Task item: Only these lines are needed: the first line of the entries below through the line with "#207=IFCPRODUCTDEFINITIONSHAPE($,$,(#206));", each returned exactly.
########
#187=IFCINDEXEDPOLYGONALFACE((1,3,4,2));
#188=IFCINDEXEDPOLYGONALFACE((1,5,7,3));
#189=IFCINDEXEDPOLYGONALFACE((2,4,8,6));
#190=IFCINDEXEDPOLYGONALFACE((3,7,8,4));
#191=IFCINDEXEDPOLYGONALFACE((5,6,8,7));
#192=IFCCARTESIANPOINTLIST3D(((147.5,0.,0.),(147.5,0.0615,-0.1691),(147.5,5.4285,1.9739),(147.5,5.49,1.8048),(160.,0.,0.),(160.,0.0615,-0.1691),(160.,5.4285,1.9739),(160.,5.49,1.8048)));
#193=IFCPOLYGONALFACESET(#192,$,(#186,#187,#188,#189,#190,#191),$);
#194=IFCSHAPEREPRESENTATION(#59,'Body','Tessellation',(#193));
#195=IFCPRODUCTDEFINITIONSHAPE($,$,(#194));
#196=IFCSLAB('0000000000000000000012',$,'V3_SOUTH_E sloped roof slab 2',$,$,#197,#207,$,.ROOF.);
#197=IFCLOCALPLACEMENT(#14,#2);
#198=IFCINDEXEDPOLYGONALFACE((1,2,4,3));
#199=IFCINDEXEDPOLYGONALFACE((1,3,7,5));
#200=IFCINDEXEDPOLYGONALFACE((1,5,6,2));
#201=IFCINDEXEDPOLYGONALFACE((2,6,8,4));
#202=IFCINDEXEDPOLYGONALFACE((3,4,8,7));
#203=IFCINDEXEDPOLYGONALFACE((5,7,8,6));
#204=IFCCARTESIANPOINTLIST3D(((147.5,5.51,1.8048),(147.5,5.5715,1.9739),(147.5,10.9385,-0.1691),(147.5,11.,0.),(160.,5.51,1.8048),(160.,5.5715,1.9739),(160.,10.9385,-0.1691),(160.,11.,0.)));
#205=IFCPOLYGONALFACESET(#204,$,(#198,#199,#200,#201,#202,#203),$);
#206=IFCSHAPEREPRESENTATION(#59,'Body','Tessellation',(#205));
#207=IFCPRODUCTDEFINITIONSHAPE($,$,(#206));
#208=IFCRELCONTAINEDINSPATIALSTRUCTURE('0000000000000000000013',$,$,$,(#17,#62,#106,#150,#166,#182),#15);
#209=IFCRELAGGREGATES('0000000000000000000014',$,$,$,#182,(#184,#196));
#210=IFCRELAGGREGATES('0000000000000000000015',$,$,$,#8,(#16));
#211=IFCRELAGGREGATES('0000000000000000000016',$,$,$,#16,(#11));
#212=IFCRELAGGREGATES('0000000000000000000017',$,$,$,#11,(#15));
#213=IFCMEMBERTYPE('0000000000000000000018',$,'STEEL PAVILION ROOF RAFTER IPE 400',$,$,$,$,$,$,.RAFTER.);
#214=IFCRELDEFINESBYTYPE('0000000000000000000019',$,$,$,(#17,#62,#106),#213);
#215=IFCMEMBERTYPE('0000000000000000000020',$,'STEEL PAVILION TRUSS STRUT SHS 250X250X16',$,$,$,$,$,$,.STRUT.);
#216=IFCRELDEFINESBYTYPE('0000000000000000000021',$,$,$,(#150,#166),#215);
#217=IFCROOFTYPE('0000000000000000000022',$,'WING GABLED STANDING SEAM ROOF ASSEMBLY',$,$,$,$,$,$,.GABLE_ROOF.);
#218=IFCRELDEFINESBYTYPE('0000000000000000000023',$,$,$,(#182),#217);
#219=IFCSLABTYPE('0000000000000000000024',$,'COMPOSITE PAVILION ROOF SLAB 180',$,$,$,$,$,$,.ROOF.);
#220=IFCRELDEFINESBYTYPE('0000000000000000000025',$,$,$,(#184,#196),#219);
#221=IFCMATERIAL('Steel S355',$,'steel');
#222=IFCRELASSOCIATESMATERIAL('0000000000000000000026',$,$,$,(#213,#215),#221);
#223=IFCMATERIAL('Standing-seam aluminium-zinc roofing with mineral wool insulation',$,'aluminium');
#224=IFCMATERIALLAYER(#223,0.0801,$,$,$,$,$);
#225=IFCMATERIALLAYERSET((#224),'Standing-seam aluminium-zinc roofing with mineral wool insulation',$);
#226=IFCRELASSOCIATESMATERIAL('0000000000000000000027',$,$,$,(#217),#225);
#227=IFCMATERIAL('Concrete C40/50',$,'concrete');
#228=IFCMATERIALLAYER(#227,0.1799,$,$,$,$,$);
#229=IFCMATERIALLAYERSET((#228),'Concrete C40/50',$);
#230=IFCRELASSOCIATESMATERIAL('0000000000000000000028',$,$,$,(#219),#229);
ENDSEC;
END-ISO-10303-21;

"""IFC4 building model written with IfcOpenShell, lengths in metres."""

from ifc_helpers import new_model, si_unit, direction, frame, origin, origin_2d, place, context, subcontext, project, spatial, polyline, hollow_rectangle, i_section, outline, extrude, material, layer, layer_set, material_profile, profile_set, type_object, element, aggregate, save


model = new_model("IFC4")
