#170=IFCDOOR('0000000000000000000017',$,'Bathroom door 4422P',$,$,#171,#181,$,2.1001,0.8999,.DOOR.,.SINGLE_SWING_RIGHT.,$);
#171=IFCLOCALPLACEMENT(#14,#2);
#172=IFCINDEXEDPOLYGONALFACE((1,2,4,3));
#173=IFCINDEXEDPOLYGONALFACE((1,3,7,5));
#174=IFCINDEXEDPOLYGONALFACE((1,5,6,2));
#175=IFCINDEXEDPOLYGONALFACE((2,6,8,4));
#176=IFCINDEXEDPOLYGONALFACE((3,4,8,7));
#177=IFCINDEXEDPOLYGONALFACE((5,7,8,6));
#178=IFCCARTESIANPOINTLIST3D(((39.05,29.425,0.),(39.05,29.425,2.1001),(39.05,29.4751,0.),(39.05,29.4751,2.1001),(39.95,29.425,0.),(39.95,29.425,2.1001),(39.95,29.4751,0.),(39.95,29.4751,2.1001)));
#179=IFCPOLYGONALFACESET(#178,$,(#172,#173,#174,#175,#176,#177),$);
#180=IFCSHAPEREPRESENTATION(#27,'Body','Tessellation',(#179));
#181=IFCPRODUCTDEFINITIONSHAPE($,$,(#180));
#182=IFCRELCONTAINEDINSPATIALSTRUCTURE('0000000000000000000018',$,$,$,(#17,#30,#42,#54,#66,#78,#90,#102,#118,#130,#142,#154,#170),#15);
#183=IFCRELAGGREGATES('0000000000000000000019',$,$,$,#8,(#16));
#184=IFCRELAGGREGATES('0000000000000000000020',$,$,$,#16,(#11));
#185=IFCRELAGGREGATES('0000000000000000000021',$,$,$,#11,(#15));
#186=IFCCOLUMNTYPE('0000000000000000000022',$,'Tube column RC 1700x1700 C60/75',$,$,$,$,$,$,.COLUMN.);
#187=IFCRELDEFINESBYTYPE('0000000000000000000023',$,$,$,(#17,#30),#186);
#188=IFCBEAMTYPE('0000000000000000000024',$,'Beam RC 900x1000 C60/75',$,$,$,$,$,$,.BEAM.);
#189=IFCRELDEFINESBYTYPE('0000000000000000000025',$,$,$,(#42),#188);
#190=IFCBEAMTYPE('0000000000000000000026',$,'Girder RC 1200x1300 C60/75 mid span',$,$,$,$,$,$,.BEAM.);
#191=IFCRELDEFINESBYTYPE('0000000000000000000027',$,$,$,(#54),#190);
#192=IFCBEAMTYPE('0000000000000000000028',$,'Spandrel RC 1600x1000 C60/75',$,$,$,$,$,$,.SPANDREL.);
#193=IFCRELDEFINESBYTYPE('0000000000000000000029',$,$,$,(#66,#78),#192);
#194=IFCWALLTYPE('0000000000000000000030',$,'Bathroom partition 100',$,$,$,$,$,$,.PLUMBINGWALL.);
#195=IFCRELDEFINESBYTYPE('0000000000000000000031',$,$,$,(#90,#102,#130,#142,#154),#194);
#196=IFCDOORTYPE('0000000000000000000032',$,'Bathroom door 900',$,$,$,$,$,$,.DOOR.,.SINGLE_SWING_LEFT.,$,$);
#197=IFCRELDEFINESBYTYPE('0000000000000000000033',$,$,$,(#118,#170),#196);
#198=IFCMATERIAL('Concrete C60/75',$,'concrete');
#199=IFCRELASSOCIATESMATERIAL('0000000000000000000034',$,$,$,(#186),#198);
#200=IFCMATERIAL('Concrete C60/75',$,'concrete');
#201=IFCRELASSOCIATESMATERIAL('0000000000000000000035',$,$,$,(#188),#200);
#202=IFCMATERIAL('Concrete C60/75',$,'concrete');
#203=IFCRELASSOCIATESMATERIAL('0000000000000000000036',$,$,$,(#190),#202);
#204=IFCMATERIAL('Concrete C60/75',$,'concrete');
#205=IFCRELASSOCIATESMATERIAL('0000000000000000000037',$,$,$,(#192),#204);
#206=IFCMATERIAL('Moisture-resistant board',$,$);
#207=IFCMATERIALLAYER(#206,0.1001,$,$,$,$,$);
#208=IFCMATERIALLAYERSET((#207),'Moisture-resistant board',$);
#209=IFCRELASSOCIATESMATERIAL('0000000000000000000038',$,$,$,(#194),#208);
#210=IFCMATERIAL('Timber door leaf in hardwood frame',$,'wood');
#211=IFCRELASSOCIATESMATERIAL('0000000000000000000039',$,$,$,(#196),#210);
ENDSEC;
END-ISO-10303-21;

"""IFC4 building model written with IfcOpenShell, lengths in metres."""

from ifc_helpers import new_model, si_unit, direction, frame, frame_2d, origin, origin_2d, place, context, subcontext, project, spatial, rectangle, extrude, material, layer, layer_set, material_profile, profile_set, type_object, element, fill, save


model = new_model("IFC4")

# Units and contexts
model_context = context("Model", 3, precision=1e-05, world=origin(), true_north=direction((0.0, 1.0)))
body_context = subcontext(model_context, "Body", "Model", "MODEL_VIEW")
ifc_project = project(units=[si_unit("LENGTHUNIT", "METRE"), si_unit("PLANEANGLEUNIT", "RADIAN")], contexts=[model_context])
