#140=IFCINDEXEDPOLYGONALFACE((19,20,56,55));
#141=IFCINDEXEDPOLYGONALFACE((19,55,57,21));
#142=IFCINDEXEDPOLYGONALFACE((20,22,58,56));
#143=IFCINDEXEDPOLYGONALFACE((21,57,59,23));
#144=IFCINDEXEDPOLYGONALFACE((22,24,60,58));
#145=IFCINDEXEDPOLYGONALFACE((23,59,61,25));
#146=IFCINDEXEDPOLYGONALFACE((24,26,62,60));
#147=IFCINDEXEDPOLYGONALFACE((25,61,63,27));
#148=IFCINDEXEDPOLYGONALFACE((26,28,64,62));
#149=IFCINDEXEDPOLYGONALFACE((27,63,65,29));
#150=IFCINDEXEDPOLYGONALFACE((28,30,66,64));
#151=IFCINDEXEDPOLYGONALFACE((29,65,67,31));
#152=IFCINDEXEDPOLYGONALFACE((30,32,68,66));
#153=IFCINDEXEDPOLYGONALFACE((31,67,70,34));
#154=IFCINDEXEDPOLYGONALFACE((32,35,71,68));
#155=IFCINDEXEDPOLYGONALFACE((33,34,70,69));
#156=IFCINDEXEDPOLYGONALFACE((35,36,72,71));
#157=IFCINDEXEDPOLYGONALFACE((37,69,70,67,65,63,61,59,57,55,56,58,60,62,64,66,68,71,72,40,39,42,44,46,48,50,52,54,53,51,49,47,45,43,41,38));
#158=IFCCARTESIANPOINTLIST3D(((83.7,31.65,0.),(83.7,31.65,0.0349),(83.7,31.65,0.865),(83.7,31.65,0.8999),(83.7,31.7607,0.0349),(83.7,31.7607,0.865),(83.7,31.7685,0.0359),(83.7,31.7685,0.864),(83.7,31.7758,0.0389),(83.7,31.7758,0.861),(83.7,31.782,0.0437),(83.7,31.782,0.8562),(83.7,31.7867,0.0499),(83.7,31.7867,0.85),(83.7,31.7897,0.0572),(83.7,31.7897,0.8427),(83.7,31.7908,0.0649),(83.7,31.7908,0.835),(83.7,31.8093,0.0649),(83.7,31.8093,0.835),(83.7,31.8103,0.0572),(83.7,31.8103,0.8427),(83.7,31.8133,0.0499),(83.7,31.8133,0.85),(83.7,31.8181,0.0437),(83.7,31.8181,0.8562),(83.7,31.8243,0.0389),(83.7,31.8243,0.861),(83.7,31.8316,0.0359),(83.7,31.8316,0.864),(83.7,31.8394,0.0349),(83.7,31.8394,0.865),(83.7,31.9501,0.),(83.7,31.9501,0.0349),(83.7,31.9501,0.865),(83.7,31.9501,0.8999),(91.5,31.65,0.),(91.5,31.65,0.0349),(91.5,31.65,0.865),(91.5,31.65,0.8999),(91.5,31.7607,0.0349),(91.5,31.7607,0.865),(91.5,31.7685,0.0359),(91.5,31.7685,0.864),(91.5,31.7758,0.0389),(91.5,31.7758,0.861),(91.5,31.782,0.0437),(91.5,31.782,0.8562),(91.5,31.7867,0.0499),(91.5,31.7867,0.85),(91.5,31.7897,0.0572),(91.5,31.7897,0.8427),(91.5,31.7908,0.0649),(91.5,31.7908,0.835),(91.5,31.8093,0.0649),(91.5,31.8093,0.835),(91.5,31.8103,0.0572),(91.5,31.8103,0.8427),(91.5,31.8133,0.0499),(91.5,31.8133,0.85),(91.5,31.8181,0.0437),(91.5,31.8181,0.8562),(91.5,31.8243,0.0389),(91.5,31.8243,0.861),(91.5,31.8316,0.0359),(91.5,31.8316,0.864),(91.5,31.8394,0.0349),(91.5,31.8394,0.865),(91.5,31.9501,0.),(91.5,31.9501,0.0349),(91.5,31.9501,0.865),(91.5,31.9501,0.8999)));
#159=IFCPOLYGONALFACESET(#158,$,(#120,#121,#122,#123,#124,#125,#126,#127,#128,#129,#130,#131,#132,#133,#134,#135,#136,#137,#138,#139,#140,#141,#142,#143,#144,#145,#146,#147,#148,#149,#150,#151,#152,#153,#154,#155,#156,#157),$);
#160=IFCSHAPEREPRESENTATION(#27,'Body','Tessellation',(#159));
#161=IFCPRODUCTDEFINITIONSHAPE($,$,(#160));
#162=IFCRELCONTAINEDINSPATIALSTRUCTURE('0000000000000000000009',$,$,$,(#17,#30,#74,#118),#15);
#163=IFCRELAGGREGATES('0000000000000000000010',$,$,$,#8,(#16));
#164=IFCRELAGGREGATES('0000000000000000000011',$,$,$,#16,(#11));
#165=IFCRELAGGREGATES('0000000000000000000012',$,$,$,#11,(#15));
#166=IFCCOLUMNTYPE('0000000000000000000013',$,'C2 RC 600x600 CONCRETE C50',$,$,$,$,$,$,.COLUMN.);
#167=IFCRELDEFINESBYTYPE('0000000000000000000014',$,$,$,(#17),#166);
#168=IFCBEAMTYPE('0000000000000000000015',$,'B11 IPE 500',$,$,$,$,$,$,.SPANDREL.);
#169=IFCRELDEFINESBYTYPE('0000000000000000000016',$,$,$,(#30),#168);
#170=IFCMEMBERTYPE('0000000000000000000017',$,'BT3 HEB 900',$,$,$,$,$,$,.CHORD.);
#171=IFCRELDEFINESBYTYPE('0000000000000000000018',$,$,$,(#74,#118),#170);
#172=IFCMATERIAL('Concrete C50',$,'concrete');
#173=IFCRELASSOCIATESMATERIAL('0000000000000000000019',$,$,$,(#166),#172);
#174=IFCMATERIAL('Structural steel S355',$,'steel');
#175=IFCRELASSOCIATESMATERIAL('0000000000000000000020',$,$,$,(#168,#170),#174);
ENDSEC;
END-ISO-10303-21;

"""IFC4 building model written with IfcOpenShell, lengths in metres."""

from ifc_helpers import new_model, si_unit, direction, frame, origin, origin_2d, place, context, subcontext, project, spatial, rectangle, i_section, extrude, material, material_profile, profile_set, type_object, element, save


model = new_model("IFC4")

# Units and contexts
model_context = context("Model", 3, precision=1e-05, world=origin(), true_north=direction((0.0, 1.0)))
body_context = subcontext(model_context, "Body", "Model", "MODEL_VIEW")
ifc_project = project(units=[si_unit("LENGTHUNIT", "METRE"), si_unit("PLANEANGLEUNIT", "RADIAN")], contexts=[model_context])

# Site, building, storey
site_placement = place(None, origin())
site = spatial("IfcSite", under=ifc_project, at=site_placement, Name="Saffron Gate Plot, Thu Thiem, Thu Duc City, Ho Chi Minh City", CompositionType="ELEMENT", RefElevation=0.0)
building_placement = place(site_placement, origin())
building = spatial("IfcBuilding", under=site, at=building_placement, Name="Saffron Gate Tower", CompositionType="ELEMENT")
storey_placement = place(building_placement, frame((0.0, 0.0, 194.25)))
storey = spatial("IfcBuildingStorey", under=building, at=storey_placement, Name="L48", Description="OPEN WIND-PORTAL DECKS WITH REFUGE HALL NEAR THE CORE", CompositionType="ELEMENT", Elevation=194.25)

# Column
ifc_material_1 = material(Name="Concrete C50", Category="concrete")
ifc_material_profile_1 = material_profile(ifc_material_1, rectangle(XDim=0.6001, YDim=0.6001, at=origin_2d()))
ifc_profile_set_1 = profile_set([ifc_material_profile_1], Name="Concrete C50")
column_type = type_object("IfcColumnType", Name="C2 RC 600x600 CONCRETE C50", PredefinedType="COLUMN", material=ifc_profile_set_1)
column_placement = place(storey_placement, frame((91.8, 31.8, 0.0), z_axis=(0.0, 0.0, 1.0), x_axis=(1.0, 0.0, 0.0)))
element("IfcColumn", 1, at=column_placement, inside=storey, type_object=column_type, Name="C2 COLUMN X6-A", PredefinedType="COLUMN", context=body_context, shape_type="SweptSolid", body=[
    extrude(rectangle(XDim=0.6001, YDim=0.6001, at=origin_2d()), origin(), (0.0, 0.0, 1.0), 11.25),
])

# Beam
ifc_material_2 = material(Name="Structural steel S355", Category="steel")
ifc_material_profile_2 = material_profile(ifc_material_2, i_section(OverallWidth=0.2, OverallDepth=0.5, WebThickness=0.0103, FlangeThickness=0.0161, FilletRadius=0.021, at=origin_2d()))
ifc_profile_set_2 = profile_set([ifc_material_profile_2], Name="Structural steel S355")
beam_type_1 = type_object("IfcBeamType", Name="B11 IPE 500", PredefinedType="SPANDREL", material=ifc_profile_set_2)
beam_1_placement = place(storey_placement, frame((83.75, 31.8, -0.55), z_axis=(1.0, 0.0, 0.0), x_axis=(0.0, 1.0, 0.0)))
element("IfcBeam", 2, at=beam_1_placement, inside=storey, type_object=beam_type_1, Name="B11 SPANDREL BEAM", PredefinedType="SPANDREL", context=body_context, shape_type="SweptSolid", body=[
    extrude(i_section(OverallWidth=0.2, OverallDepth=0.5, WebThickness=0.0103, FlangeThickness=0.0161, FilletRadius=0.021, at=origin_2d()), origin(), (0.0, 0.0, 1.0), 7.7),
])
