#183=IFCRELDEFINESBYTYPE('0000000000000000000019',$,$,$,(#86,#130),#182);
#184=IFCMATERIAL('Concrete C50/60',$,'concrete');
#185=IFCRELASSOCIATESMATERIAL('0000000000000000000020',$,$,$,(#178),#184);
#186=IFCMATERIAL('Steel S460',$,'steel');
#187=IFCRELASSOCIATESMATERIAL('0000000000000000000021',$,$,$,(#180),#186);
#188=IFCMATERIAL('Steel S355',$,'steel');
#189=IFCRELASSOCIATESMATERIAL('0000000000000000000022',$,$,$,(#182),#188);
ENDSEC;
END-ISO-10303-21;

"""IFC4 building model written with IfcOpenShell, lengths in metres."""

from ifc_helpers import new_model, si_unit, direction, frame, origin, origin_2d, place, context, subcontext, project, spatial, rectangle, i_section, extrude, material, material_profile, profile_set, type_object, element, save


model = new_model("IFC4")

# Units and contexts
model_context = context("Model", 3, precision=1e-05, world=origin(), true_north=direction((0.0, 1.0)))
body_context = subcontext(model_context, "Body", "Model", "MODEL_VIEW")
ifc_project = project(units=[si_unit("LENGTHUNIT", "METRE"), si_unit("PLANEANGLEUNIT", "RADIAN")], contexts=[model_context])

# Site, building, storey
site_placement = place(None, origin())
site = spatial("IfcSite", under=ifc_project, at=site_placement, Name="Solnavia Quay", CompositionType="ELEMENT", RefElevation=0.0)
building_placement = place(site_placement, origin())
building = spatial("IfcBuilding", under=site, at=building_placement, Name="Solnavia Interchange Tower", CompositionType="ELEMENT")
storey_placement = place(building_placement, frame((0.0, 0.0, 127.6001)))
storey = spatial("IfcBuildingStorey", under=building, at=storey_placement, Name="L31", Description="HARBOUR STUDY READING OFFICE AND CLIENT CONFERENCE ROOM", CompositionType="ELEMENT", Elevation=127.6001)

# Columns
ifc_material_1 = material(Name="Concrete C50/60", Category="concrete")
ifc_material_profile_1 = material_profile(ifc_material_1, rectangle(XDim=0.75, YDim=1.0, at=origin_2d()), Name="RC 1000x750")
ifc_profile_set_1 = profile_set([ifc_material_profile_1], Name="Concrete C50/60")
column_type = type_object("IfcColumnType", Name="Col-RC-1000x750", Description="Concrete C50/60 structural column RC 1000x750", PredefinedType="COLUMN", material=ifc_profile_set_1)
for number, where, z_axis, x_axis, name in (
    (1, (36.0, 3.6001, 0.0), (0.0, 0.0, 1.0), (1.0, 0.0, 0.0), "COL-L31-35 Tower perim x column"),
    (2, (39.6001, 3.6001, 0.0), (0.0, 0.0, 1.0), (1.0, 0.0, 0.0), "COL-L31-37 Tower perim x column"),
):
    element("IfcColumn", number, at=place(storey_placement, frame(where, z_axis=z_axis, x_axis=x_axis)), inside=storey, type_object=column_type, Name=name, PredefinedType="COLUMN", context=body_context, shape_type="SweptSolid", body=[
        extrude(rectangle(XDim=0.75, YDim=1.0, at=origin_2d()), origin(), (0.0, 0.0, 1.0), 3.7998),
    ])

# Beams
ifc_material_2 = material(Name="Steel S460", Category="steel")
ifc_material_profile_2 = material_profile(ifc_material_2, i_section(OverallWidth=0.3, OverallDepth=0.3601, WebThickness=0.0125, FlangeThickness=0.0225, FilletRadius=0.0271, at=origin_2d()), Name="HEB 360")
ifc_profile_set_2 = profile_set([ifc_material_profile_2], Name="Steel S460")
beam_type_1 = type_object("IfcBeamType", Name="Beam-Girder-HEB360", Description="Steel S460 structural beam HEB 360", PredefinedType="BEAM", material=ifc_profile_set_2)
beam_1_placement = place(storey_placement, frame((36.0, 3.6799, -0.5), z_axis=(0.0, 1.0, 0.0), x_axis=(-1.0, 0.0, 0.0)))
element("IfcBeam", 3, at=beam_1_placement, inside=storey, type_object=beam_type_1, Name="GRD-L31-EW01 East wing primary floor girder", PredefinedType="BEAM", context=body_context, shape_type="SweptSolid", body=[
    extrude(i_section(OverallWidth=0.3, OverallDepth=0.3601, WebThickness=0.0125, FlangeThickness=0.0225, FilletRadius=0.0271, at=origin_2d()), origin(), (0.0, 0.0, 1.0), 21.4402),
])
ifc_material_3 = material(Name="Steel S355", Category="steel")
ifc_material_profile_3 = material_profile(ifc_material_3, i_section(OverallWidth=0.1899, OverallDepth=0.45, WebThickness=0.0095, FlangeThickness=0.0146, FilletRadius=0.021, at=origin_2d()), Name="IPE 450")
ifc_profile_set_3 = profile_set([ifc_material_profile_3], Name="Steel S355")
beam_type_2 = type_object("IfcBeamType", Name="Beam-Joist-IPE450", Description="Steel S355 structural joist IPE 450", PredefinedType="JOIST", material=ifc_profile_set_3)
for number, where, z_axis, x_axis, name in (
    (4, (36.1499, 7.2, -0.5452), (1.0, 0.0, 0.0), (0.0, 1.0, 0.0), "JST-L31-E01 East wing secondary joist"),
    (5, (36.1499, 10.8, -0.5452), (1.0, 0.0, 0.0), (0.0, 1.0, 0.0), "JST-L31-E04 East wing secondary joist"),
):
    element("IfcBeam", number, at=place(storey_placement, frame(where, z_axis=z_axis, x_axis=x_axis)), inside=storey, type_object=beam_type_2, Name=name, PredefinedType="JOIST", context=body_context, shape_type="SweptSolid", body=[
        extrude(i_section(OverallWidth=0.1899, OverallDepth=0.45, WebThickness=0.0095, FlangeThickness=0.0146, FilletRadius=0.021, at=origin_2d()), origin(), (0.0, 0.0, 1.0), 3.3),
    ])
########
The answer:
#187=IFCINDEXEDPOLYGONALFACE((1,3,4,2));
#188=IFCINDEXEDPOLYGONALFACE((1,5,7,3));
#189=IFCINDEXEDPOLYGONALFACE((2,4,8,6));
#190=IFCINDEXEDPOLYGONALFACE((3,7,8,4));
#191=IFCINDEXEDPOLYGONALFACE((5,6,8,7));
#192=IFCCARTESIANPOINTLIST3D(((147.5,0.,0.),(147.5,0.0615,-0.1691),(147.5,5.4285,1.9739),(147.5,5.49,1.8048),(160.,0.,0.),(160.,0.0615,-0.1691),(160.,5.4285,1.9739),(160.,5.49,1.8048)));
#193=IFCPOLYGONALFACESET(#192,$,(#186,#187,#188,#189,#190,#191),$);
#194=IFCSHAPEREPRESENTATION(#59,'Body','Tessellation',(#193));
#195=IFCPRODUCTDEFINITIONSHAPE($,$,(#194));
#196=IFCSLAB('0000000000000000000012',$,'V3_SOUTH_E sloped roof slab 2',$,$,#197,#207,$,.ROOF.);
#197=IFCLOCALPLACEMENT(#14,#2);
#198=IFCINDEXEDPOLYGONALFACE((1,2,4,3));
#199=IFCINDEXEDPOLYGONALFACE((1,3,7,5));
#200=IFCINDEXEDPOLYGONALFACE((1,5,6,2));
#201=IFCINDEXEDPOLYGONALFACE((2,6,8,4));
#202=IFCINDEXEDPOLYGONALFACE((3,4,8,7));
#203=IFCINDEXEDPOLYGONALFACE((5,7,8,6));
#204=IFCCARTESIANPOINTLIST3D(((147.5,5.51,1.8048),(147.5,5.5715,1.9739),(147.5,10.9385,-0.1691),(147.5,11.,0.),(160.,5.51,1.8048),(160.,5.5715,1.9739),(160.,10.9385,-0.1691),(160.,11.,0.)));
#205=IFCPOLYGONALFACESET(#204,$,(#198,#199,#200,#201,#202,#203),$);
#206=IFCSHAPEREPRESENTATION(#59,'Body','Tessellation',(#205));
#207=IFCPRODUCTDEFINITIONSHAPE($,$,(#206));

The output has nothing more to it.